- [Description of the task]:
Please give back only the lines below from the one containing "from ifc_helpers import" to the one containing "site_placement = place(None, origin())", each repeated word for word, both ends included.

=== Begin Enclosure ===

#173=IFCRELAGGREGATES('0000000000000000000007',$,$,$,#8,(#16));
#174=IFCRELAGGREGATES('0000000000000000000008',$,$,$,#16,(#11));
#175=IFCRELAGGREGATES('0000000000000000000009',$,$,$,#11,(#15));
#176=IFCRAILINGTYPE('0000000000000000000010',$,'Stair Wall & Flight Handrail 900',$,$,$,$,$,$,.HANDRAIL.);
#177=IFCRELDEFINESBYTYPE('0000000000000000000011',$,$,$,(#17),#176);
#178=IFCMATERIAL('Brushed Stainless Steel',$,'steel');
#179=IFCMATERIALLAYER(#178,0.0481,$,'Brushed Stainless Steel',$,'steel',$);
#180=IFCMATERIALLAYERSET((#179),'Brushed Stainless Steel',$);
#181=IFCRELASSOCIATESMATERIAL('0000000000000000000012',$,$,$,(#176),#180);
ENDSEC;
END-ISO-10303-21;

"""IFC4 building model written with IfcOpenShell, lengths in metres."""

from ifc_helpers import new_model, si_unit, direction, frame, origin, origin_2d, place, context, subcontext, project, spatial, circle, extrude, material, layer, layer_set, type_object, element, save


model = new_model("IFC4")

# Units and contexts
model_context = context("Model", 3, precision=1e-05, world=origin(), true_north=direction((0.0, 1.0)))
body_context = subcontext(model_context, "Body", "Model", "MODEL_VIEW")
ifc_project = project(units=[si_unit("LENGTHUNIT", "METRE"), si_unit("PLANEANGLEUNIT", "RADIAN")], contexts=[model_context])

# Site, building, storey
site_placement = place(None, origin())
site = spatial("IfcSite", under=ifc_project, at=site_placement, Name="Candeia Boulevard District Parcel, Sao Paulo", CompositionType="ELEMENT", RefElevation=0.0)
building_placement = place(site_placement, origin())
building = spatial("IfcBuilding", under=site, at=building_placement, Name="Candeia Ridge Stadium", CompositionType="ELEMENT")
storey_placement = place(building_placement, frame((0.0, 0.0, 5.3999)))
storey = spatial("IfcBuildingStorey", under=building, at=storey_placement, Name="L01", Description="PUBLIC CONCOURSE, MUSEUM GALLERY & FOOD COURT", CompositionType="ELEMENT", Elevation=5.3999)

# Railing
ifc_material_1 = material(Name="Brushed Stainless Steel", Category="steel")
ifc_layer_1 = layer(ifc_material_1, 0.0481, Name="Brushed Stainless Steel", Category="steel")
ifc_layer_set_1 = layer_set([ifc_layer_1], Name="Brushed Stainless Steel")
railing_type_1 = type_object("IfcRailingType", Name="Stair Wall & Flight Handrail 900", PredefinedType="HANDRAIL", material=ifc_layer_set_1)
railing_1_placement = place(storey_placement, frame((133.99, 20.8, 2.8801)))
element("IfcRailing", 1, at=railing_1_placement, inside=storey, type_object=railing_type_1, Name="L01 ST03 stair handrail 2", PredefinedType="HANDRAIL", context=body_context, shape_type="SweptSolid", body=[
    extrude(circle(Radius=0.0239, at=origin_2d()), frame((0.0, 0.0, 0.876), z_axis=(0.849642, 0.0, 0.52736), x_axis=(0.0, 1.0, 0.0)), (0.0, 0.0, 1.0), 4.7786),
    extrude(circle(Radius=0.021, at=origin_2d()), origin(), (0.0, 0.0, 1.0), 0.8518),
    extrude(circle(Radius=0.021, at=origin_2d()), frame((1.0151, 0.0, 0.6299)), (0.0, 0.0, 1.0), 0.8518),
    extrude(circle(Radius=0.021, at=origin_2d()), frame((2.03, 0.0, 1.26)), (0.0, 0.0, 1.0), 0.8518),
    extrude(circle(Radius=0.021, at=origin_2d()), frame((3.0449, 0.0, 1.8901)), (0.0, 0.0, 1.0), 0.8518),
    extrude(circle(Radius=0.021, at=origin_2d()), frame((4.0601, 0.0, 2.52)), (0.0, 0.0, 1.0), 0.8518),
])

=== End Enclosure ===

- [Answer to this exercise]:
from ifc_helpers import new_model, si_unit, direction, frame, origin, origin_2d, place, context, subcontext, project, spatial, circle, extrude, material, layer, layer_set, type_object, element, save


model = new_model("IFC4")

# Units and contexts
model_context = context("Model", 3, precision=1e-05, world=origin(), true_north=direction((0.0, 1.0)))
body_context = subcontext(model_context, "Body", "Model", "MODEL_VIEW")
ifc_project = project(units=[si_unit("LENGTHUNIT", "METRE"), si_unit("PLANEANGLEUNIT", "RADIAN")], contexts=[model_context])

# Site, building, storey
site_placement = place(None, origin())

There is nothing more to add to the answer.